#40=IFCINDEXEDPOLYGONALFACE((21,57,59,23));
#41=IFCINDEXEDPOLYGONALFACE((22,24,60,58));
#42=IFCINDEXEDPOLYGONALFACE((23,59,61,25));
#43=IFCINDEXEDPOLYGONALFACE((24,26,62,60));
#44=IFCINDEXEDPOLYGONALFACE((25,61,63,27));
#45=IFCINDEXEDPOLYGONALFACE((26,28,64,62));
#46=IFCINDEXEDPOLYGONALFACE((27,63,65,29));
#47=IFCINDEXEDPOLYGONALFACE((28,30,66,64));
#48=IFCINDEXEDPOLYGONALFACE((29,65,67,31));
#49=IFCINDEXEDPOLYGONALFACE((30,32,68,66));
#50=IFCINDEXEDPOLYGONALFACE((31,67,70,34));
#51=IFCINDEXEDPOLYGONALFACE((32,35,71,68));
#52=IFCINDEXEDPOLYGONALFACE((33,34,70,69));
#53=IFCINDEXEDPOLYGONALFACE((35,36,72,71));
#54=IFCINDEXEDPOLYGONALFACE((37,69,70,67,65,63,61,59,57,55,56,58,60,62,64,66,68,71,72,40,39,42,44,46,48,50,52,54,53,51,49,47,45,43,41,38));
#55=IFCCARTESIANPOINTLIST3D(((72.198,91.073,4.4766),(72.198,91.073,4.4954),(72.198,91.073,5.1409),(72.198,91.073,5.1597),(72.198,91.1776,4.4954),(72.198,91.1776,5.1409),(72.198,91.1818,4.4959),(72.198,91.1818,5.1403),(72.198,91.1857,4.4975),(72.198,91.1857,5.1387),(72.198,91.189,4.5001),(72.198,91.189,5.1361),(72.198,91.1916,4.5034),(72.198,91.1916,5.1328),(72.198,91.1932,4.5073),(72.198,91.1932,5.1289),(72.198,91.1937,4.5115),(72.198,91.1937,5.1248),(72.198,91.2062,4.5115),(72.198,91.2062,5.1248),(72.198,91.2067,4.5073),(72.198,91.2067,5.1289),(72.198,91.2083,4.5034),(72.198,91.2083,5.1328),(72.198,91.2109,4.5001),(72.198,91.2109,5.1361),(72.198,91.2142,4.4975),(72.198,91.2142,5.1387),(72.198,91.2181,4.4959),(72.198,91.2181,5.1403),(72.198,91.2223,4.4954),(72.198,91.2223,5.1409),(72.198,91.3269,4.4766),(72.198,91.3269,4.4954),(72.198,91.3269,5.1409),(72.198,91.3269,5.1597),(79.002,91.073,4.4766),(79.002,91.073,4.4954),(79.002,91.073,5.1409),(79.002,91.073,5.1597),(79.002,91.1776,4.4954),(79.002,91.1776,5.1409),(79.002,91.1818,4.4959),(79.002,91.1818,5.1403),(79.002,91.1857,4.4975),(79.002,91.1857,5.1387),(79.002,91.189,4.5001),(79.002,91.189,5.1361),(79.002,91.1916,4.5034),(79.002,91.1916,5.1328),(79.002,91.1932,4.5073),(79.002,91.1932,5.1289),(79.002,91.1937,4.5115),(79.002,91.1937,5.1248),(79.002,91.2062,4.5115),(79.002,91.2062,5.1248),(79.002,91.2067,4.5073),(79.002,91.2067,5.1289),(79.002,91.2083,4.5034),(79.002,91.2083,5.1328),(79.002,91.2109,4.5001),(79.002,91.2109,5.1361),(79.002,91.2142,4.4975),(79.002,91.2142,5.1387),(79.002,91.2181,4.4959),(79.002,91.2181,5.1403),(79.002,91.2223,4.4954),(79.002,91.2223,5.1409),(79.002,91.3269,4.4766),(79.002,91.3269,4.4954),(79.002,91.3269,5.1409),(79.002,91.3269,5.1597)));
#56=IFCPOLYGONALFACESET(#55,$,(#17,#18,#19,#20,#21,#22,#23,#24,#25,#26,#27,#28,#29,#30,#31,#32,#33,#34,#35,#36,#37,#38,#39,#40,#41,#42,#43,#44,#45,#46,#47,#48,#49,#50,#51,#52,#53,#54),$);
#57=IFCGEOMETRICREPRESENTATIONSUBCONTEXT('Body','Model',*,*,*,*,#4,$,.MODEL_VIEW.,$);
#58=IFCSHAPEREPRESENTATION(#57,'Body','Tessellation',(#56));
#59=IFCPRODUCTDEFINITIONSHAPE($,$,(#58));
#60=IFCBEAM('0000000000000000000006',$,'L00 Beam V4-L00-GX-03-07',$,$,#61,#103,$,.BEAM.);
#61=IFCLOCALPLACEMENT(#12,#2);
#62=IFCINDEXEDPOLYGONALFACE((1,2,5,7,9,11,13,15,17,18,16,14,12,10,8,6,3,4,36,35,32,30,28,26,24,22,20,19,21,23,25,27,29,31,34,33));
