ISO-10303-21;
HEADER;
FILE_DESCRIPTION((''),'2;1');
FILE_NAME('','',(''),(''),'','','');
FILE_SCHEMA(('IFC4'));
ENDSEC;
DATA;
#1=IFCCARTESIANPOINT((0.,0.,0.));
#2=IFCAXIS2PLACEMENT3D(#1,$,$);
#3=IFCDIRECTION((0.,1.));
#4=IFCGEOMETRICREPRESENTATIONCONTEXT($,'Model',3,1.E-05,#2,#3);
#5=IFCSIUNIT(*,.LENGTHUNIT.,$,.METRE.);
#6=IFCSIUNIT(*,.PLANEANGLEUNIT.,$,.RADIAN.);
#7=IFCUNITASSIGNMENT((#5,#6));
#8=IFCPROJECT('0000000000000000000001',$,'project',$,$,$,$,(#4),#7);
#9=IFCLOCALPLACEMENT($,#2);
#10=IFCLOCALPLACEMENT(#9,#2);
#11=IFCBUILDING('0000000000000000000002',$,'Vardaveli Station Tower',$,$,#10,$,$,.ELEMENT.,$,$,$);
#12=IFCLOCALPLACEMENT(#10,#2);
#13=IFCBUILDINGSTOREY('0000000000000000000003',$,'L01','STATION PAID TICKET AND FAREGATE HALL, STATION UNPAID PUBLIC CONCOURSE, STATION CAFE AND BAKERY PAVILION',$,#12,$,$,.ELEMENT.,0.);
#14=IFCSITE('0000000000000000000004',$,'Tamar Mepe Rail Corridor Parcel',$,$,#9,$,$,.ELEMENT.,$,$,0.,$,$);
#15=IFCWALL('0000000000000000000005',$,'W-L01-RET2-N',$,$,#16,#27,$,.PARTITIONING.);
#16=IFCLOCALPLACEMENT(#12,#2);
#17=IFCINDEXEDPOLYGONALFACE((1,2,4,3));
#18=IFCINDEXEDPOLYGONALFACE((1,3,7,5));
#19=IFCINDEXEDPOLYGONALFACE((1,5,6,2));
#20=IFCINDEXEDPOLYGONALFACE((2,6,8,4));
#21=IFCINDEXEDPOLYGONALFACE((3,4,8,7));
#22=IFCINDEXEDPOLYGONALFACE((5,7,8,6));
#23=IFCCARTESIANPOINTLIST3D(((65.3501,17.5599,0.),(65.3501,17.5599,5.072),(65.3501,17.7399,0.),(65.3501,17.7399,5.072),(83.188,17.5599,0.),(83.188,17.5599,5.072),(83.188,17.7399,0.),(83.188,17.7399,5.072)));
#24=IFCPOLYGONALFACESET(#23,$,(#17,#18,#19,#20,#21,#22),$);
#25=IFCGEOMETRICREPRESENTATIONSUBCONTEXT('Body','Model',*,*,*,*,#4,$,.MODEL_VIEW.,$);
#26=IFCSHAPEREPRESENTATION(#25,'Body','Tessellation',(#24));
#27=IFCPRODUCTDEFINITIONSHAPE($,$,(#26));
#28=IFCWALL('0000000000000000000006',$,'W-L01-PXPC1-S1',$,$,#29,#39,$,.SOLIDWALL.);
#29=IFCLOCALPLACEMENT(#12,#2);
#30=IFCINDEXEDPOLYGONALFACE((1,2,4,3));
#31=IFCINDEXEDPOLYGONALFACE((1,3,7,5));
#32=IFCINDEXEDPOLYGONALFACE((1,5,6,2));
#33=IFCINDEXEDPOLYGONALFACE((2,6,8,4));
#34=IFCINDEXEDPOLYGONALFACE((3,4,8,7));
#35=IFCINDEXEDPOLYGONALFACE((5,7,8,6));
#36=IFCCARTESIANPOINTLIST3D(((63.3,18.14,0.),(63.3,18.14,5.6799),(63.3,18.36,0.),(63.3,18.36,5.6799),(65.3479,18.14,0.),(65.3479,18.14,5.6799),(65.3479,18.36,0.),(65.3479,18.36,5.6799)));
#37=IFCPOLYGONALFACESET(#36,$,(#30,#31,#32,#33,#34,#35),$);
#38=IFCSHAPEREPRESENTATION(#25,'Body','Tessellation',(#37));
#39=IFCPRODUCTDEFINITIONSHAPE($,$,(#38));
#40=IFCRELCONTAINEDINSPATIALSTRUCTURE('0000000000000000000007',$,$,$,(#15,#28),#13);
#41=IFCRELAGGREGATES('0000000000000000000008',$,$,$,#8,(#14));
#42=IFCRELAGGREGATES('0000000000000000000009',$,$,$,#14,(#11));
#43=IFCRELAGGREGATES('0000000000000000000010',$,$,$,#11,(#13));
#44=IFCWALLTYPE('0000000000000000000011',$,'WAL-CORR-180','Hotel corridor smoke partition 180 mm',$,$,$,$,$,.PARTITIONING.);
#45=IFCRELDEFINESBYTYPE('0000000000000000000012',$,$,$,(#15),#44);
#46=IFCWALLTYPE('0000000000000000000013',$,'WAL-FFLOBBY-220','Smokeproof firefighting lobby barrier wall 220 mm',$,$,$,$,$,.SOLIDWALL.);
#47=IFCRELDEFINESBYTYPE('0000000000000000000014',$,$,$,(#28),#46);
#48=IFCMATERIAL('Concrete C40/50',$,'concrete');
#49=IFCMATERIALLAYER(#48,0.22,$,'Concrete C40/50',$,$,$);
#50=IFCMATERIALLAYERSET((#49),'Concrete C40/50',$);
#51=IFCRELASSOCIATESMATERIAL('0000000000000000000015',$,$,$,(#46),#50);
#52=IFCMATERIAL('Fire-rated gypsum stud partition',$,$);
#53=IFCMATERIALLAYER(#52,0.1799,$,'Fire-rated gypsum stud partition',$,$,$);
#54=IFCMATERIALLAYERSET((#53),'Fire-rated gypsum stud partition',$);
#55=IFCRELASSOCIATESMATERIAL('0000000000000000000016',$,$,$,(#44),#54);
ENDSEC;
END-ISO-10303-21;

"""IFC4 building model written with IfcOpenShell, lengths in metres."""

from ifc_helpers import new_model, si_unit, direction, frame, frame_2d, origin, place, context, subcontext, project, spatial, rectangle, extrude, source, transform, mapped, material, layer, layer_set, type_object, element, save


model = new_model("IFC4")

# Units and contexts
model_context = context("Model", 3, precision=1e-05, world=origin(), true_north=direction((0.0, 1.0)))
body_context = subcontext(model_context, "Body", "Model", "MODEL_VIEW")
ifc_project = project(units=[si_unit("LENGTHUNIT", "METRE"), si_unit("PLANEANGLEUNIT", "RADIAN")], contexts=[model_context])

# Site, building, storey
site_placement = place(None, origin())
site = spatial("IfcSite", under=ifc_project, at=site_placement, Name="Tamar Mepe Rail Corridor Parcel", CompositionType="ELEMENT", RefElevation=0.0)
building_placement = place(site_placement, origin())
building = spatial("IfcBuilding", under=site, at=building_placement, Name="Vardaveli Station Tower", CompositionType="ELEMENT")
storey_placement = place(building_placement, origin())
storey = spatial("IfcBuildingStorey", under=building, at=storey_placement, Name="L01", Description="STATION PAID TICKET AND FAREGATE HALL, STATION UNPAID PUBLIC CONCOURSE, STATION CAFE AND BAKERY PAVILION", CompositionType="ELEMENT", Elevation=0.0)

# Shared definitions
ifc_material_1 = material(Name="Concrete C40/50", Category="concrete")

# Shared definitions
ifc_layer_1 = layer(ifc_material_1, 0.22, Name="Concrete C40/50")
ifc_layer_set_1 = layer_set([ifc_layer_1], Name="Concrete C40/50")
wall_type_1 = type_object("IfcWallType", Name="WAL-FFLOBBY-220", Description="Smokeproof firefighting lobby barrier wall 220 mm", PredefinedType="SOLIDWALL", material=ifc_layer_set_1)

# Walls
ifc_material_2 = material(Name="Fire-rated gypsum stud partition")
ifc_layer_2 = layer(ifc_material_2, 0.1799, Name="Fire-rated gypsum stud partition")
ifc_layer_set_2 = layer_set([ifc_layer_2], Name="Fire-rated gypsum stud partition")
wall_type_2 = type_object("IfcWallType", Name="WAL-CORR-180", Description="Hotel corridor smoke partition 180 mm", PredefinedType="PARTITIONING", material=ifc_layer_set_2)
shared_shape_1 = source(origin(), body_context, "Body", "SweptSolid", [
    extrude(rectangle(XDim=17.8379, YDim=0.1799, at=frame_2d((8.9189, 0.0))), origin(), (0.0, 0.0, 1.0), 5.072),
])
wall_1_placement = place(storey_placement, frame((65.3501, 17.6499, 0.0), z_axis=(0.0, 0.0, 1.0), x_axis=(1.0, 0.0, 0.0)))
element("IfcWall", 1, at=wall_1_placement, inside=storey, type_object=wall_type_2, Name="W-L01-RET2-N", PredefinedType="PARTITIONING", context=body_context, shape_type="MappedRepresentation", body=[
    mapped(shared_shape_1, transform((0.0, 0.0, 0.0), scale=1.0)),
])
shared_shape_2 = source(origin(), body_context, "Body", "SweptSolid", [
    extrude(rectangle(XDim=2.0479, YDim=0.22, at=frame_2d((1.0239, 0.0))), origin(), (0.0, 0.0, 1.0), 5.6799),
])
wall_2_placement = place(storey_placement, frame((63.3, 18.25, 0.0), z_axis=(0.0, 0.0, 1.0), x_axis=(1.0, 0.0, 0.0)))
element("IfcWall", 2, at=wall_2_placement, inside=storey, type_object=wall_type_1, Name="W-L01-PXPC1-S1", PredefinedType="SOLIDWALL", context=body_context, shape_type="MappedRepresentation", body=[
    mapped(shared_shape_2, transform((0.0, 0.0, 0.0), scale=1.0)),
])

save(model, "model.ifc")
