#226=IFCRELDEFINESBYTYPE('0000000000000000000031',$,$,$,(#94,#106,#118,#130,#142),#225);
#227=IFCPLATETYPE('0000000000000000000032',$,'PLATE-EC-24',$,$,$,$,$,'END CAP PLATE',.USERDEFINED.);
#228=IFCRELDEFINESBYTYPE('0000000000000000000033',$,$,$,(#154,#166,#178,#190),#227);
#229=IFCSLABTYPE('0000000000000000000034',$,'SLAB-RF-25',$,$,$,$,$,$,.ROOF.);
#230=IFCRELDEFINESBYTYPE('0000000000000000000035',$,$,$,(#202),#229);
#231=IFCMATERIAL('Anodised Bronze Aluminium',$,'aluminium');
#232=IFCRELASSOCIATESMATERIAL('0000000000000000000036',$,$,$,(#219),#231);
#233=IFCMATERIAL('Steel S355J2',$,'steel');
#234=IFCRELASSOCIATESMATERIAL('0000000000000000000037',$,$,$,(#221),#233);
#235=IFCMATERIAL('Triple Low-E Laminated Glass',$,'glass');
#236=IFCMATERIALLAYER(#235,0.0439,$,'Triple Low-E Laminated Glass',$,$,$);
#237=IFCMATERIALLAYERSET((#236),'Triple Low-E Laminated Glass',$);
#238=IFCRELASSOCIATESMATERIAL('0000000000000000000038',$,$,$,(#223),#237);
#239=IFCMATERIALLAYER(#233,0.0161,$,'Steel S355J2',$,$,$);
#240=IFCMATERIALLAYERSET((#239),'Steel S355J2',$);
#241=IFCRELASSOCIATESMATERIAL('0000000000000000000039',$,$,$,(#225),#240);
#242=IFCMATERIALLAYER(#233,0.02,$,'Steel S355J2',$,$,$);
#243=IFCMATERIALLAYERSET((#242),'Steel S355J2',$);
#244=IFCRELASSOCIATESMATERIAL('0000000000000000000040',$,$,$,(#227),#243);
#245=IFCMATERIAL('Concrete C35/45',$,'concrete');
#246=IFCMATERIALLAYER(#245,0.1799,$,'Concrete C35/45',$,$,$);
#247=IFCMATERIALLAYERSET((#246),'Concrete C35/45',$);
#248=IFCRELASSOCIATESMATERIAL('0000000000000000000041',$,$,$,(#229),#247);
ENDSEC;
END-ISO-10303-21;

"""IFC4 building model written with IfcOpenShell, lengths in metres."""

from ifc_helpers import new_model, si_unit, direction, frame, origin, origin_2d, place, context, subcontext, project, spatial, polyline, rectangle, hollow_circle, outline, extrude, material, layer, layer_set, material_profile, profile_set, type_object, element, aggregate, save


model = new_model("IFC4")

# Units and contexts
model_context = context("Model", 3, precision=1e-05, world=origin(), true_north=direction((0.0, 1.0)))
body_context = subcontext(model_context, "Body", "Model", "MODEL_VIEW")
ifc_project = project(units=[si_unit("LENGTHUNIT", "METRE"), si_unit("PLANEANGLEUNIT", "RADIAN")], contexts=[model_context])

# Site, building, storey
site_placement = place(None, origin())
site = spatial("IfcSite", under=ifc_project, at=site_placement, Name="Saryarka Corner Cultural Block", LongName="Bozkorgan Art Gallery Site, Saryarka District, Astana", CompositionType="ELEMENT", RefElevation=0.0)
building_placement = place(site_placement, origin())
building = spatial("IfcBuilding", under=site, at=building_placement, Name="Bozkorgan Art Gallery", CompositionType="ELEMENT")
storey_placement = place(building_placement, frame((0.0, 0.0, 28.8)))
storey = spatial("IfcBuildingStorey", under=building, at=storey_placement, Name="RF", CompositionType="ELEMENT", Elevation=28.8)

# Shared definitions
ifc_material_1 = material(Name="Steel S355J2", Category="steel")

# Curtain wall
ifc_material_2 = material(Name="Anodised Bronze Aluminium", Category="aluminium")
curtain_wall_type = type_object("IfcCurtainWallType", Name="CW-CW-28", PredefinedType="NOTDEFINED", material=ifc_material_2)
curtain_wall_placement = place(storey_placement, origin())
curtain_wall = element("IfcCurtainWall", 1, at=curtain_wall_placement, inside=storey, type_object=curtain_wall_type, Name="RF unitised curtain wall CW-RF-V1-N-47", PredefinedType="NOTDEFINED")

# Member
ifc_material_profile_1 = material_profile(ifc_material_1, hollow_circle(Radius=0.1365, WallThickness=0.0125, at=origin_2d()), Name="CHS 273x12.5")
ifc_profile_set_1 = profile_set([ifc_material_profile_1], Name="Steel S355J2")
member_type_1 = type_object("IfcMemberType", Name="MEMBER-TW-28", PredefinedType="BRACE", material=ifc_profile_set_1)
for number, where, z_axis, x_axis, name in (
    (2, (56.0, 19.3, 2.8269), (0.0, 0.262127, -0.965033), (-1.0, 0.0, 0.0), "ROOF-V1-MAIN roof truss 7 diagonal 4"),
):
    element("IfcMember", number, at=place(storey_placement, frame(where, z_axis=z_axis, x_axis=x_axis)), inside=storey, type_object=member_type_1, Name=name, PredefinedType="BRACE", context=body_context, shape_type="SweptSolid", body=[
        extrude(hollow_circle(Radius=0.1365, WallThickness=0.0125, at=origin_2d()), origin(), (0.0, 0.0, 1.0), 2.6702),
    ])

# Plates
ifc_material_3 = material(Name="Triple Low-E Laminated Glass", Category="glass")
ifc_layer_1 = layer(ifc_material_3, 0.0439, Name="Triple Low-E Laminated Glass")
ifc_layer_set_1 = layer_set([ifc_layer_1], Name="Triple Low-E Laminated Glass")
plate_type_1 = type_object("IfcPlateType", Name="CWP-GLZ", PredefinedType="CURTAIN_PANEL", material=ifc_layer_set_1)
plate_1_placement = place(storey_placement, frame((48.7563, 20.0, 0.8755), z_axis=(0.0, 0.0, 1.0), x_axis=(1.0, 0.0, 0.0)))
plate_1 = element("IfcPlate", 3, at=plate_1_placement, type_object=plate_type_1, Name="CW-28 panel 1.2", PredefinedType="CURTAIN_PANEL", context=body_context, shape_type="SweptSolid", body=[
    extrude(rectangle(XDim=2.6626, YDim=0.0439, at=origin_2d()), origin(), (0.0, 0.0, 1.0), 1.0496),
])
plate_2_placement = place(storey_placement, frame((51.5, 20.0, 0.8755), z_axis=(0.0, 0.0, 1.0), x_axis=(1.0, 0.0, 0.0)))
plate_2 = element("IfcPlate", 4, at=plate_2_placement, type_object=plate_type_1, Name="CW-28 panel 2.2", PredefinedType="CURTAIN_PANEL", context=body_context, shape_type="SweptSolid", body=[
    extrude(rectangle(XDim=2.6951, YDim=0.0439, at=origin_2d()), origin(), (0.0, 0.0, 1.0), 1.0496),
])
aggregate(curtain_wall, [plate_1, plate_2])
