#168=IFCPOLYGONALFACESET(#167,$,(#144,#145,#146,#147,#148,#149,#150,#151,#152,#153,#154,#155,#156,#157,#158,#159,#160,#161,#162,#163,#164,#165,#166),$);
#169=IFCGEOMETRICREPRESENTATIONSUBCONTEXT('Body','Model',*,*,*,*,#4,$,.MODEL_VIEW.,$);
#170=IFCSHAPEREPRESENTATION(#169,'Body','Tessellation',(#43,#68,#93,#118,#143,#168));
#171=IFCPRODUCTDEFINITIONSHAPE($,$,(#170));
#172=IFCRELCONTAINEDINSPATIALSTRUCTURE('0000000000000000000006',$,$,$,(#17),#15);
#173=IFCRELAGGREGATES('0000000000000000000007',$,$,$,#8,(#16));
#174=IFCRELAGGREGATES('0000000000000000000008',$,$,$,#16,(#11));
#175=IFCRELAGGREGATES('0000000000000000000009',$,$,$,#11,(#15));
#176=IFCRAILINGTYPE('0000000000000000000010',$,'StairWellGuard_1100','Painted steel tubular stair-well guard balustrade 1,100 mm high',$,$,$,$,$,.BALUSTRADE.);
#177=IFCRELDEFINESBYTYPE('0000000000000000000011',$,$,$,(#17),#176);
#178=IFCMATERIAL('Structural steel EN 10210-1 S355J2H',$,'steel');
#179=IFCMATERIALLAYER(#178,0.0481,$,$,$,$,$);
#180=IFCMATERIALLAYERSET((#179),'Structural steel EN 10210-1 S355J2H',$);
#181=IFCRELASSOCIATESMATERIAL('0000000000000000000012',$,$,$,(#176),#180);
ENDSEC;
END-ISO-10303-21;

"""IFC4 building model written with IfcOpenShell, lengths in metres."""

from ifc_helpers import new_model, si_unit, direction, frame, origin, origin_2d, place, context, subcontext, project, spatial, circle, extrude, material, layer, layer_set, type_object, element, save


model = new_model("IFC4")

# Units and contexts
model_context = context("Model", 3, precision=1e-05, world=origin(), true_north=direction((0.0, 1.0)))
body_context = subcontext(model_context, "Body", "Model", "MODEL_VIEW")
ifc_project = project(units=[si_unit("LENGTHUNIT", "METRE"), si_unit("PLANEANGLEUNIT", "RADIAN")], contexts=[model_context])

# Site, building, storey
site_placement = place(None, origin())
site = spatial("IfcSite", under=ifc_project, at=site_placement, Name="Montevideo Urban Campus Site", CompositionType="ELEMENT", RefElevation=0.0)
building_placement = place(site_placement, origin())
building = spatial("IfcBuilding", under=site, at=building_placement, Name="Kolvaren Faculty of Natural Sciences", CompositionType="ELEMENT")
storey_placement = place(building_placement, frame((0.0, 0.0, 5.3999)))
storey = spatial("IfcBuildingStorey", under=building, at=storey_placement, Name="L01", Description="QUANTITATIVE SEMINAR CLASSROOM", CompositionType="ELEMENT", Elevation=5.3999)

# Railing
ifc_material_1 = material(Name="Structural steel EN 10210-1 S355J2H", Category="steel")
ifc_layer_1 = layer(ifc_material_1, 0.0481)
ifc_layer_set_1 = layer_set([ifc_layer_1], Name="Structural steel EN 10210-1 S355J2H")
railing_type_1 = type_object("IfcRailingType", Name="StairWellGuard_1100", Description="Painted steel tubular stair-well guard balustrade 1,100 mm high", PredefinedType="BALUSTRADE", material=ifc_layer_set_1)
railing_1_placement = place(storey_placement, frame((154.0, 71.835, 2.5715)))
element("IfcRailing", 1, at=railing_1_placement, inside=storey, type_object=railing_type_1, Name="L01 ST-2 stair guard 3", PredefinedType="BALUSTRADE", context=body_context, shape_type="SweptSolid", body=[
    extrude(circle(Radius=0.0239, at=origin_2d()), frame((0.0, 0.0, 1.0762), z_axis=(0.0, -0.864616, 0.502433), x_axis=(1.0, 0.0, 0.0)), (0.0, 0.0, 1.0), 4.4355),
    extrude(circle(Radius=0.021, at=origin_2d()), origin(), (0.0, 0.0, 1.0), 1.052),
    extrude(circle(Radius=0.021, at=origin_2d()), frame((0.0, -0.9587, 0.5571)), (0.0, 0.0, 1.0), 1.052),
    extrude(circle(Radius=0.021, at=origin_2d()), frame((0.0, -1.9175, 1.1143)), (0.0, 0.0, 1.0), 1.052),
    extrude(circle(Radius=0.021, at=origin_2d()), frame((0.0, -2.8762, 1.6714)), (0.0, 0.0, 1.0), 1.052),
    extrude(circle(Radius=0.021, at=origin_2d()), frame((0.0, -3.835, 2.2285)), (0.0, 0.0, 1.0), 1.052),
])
——
Look through the entries above, and wherever a line holds the word "Tessellation", copy it.

#58=IFCSHAPEREPRESENTATION(#57,'Body','Tessellation',(#56));
#26=IFCSHAPEREPRESENTATION(#25,'Body','Tessellation',(#24));
#38=IFCSHAPEREPRESENTATION(#25,'Body','Tessellation',(#37));
#170=IFCSHAPEREPRESENTATION(#169,'Body','Tessellation',(#43,#68,#93,#118,#143,#168));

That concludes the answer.